Begin at the line containing "#4=IFCGEOMETRICREPRESENTATIONCONTEXT($,'Model',3,1.E-05,#2,#3);" in the entries below and end at the line containing "#10=IFCLOCALPLACEMENT(#9,#2);"; transcribe that range exactly and nothing outside it.

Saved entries
◇ ◇ ◇ ◇
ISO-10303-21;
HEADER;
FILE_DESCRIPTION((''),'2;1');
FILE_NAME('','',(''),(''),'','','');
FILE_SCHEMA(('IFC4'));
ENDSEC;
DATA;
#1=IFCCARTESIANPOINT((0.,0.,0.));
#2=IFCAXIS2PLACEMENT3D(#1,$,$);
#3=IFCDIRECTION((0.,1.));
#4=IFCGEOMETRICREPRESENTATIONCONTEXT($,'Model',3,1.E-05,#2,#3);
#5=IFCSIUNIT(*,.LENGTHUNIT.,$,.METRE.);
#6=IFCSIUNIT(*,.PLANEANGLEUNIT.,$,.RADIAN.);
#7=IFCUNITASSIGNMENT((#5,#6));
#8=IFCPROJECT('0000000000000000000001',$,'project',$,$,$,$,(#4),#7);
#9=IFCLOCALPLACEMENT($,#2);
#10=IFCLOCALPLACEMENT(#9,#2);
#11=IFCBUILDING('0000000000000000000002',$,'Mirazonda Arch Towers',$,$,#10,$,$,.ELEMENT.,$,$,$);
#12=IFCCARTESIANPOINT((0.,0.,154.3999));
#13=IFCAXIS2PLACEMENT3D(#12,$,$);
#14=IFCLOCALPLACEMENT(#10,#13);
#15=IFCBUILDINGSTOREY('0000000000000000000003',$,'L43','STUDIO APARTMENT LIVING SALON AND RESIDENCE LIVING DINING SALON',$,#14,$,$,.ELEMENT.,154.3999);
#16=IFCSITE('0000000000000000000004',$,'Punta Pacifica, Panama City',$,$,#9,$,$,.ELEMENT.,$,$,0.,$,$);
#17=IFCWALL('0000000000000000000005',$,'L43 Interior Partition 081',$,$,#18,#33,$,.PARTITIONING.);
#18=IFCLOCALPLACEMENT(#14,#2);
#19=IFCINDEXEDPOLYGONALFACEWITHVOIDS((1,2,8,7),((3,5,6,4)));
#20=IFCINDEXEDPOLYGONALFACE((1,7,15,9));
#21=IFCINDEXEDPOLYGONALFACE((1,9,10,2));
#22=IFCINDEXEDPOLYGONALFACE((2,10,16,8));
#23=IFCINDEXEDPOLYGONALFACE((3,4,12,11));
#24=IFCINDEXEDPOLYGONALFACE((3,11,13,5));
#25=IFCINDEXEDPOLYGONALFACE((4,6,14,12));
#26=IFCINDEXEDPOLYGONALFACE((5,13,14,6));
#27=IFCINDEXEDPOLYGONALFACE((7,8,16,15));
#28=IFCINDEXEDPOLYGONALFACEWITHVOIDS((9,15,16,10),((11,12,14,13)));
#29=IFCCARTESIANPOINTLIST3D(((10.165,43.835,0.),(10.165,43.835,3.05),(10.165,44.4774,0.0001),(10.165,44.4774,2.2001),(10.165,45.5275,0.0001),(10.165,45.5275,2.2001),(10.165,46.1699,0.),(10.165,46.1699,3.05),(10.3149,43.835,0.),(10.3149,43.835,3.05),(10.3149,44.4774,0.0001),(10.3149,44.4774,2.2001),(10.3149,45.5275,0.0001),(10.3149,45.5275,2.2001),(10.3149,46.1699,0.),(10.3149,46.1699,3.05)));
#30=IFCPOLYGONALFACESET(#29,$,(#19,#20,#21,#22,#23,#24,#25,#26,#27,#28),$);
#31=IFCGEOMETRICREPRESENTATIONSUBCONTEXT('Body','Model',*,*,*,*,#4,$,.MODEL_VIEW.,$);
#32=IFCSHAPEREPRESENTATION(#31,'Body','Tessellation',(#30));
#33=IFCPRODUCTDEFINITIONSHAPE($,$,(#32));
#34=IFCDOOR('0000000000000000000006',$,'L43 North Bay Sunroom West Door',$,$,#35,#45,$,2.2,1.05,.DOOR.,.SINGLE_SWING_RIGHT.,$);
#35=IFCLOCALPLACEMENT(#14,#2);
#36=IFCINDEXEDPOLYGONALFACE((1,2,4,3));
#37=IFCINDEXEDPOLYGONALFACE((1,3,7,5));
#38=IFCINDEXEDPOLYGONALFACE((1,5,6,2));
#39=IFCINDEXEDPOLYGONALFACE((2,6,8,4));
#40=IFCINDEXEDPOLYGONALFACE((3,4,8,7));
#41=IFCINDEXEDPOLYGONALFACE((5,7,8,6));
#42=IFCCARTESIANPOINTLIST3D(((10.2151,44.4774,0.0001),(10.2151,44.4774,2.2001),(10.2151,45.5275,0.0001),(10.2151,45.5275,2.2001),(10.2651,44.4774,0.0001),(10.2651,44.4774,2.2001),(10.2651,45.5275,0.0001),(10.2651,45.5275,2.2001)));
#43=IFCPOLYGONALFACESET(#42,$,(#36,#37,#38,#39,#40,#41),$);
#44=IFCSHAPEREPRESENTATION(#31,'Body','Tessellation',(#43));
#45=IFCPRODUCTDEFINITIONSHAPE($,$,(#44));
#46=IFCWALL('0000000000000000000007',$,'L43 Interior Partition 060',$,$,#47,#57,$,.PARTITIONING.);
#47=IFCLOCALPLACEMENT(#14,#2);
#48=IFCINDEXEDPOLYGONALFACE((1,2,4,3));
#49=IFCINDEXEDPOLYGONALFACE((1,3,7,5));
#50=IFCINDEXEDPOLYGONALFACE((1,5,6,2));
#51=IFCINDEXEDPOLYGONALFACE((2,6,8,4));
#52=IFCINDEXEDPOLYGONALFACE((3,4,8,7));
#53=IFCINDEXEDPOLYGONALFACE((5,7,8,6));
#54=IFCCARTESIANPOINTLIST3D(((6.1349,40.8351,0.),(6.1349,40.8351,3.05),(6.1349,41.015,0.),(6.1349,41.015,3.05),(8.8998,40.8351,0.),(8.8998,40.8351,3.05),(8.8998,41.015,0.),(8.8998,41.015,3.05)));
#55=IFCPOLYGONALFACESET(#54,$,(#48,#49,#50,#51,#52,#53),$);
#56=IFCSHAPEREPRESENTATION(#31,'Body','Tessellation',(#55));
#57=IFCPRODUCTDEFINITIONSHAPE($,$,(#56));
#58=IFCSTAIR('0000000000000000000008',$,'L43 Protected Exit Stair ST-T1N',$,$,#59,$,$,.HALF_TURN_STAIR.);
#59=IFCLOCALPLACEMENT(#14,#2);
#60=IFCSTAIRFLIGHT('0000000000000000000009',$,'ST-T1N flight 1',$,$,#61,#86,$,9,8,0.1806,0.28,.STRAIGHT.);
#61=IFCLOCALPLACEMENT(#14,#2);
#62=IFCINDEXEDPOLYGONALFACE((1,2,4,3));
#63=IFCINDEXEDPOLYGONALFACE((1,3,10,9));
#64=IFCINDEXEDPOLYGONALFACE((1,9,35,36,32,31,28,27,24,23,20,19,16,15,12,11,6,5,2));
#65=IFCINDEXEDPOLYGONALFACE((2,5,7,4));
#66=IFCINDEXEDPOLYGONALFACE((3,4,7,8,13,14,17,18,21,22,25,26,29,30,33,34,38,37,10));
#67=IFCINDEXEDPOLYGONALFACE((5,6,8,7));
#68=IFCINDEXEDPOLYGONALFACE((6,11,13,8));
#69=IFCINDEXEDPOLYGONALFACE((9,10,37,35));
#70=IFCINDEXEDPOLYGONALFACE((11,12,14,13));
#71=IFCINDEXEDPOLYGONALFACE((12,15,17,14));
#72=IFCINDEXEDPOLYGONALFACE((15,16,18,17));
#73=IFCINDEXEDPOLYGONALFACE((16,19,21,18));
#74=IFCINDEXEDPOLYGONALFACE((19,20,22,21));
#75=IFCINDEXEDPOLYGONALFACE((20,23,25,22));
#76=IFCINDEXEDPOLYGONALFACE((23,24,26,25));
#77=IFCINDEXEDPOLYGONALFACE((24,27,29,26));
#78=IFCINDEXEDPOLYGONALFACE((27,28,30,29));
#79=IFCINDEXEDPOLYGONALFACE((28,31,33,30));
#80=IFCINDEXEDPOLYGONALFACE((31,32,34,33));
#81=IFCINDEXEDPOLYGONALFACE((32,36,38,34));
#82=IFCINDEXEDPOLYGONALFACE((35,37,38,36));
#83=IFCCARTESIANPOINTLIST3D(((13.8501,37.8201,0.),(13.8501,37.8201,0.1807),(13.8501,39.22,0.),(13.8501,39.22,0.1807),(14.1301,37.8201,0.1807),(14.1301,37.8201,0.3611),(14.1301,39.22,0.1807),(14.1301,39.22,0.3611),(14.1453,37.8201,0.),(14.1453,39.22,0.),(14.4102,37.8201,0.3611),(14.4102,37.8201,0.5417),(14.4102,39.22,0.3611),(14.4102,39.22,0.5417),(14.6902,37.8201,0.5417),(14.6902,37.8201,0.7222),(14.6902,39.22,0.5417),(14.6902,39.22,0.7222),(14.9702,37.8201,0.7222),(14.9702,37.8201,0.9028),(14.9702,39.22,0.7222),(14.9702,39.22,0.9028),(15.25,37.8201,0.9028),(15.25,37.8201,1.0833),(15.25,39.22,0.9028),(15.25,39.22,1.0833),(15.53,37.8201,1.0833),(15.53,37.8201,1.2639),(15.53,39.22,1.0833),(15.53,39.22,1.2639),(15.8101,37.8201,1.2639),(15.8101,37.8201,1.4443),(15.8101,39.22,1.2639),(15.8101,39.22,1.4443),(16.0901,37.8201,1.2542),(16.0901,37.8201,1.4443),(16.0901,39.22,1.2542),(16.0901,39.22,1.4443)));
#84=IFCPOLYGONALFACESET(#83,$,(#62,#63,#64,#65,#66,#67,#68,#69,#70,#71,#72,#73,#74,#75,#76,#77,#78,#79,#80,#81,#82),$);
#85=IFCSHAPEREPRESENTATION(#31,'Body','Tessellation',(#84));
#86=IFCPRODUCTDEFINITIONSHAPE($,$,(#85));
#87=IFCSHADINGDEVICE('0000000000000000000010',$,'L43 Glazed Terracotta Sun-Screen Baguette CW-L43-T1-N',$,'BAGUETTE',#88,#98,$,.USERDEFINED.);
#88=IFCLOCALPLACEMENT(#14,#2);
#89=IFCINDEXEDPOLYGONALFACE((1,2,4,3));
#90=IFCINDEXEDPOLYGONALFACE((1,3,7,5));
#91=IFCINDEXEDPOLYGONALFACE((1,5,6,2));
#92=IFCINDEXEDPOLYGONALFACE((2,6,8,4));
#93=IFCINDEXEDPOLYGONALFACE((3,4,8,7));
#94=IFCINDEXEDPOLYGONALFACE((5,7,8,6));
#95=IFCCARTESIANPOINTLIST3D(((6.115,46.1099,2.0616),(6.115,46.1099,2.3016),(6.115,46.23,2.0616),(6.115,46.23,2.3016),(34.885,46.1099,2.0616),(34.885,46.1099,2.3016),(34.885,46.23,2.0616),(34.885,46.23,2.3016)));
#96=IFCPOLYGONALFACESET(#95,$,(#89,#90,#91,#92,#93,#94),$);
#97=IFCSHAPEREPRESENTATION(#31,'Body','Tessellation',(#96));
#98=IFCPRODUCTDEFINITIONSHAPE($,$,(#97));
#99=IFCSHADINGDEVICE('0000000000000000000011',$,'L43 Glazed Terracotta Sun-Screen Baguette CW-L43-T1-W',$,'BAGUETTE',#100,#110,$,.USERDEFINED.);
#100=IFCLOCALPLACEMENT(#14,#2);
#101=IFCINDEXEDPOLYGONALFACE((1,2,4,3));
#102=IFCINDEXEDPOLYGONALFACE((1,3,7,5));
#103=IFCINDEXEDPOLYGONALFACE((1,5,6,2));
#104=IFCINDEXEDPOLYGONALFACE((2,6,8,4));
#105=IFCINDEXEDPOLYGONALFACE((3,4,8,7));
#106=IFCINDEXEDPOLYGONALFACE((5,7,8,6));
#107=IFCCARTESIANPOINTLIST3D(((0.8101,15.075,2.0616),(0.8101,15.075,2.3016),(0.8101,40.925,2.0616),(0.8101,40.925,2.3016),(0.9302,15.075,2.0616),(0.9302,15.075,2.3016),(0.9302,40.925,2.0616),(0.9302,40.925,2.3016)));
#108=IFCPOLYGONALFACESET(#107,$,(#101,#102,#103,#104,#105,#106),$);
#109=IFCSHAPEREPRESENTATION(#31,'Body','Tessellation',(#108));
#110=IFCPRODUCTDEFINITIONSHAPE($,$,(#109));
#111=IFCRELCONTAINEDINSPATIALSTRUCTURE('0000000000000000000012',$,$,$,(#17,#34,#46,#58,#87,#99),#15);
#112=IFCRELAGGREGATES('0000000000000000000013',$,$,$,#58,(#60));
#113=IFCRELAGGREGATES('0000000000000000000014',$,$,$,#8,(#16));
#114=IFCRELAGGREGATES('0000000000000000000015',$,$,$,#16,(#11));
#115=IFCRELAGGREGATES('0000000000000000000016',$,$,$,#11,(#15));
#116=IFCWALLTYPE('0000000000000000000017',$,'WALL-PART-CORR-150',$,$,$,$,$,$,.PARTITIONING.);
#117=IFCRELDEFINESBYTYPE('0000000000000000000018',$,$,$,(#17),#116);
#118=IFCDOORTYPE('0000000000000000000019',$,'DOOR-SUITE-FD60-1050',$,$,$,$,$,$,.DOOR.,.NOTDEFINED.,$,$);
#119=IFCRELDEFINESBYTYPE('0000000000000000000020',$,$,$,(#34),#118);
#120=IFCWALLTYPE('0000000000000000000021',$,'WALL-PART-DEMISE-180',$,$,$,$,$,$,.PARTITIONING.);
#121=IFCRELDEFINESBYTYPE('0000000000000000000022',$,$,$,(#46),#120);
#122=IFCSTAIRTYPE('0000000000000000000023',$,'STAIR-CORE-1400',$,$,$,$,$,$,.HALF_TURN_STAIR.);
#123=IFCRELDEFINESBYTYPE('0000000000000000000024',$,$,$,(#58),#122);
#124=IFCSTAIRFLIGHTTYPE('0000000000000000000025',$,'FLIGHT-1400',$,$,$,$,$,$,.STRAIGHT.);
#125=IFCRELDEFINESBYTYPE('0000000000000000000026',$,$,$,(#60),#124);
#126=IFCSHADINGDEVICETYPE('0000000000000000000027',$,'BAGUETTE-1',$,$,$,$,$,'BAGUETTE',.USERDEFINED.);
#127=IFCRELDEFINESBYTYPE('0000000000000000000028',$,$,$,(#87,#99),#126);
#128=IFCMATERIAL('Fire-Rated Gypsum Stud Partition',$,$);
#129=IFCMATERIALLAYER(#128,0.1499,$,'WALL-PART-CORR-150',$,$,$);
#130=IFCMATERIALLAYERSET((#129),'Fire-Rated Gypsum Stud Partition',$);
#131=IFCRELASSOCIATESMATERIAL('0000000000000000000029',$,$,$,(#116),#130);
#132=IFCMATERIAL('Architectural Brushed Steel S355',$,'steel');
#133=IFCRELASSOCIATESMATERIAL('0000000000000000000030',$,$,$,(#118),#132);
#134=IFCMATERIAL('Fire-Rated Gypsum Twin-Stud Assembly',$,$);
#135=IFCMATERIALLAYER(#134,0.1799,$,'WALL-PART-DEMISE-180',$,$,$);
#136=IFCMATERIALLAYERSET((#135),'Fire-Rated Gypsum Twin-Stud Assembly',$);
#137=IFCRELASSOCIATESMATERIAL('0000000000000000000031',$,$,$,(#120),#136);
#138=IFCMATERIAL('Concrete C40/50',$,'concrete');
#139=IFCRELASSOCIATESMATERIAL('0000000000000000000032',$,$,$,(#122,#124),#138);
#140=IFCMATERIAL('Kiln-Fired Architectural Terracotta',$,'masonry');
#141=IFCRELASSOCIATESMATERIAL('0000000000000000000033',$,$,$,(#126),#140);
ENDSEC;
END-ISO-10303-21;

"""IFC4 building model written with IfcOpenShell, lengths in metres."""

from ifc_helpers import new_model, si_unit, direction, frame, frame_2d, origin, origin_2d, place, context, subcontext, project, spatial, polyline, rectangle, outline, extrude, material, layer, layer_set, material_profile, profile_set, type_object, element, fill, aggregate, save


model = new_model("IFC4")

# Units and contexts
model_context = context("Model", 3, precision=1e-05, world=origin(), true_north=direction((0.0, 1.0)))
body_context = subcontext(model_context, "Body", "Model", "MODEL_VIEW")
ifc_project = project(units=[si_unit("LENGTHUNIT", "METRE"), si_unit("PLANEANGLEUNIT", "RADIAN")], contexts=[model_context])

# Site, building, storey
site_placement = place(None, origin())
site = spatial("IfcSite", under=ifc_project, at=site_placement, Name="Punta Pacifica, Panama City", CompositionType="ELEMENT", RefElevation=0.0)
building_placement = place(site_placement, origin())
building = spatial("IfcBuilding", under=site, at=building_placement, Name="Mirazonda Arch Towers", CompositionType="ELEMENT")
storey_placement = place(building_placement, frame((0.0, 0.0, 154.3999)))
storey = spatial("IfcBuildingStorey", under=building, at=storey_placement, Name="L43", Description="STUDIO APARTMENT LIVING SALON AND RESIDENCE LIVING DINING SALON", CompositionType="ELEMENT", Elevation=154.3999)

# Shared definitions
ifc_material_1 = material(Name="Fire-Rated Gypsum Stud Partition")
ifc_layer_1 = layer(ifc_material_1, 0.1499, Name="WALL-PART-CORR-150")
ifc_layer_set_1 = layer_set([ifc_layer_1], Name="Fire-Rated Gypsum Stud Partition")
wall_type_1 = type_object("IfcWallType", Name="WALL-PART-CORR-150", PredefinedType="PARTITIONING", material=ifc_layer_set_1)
◇ ◇ ◇ ◇
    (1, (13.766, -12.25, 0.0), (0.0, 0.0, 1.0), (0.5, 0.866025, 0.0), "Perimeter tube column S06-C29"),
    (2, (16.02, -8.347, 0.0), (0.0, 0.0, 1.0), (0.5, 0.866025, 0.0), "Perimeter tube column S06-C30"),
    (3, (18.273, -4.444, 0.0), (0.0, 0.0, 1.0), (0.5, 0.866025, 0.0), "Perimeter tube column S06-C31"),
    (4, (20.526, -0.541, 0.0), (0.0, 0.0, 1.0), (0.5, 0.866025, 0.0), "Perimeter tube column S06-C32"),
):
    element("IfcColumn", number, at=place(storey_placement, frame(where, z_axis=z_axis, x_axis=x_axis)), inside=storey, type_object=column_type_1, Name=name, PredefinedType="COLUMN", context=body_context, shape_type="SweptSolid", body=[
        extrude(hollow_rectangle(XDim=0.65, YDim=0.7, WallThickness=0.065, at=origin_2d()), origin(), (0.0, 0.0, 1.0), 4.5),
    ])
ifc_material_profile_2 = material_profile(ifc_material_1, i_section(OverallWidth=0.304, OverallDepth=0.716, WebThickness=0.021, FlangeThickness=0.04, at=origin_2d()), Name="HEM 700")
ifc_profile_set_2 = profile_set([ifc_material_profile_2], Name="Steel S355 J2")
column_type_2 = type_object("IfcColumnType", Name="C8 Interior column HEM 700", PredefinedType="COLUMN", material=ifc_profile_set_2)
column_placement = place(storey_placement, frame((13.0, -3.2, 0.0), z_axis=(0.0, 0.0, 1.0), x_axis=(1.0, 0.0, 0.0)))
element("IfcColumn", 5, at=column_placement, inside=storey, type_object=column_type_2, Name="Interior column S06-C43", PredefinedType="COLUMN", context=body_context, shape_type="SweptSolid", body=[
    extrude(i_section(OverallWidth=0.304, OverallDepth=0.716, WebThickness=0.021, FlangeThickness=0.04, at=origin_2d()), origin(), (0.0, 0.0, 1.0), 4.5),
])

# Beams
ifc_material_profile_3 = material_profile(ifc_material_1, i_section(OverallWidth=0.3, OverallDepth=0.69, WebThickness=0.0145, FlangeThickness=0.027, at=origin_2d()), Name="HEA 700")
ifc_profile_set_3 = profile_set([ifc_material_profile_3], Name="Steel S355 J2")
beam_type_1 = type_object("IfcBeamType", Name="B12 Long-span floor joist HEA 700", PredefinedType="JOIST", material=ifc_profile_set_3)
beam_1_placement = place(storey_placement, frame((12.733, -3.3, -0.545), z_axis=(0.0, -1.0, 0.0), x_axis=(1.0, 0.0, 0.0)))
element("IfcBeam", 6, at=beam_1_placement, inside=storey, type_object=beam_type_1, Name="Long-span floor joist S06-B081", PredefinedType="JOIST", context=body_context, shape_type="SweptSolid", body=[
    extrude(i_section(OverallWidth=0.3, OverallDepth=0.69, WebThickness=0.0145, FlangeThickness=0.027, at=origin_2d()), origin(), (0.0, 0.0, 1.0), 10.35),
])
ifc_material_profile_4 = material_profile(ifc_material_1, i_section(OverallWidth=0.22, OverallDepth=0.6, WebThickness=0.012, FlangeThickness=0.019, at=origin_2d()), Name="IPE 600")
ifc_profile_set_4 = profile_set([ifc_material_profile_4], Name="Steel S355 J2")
◇ ◇ ◇ ◇
SOLUTION FOR THIS TASK>
#4=IFCGEOMETRICREPRESENTATIONCONTEXT($,'Model',3,1.E-05,#2,#3);
#5=IFCSIUNIT(*,.LENGTHUNIT.,$,.METRE.);
#6=IFCSIUNIT(*,.PLANEANGLEUNIT.,$,.RADIAN.);
#7=IFCUNITASSIGNMENT((#5,#6));
#8=IFCPROJECT('0000000000000000000001',$,'project',$,$,$,$,(#4),#7);
#9=IFCLOCALPLACEMENT($,#2);
#10=IFCLOCALPLACEMENT(#9,#2);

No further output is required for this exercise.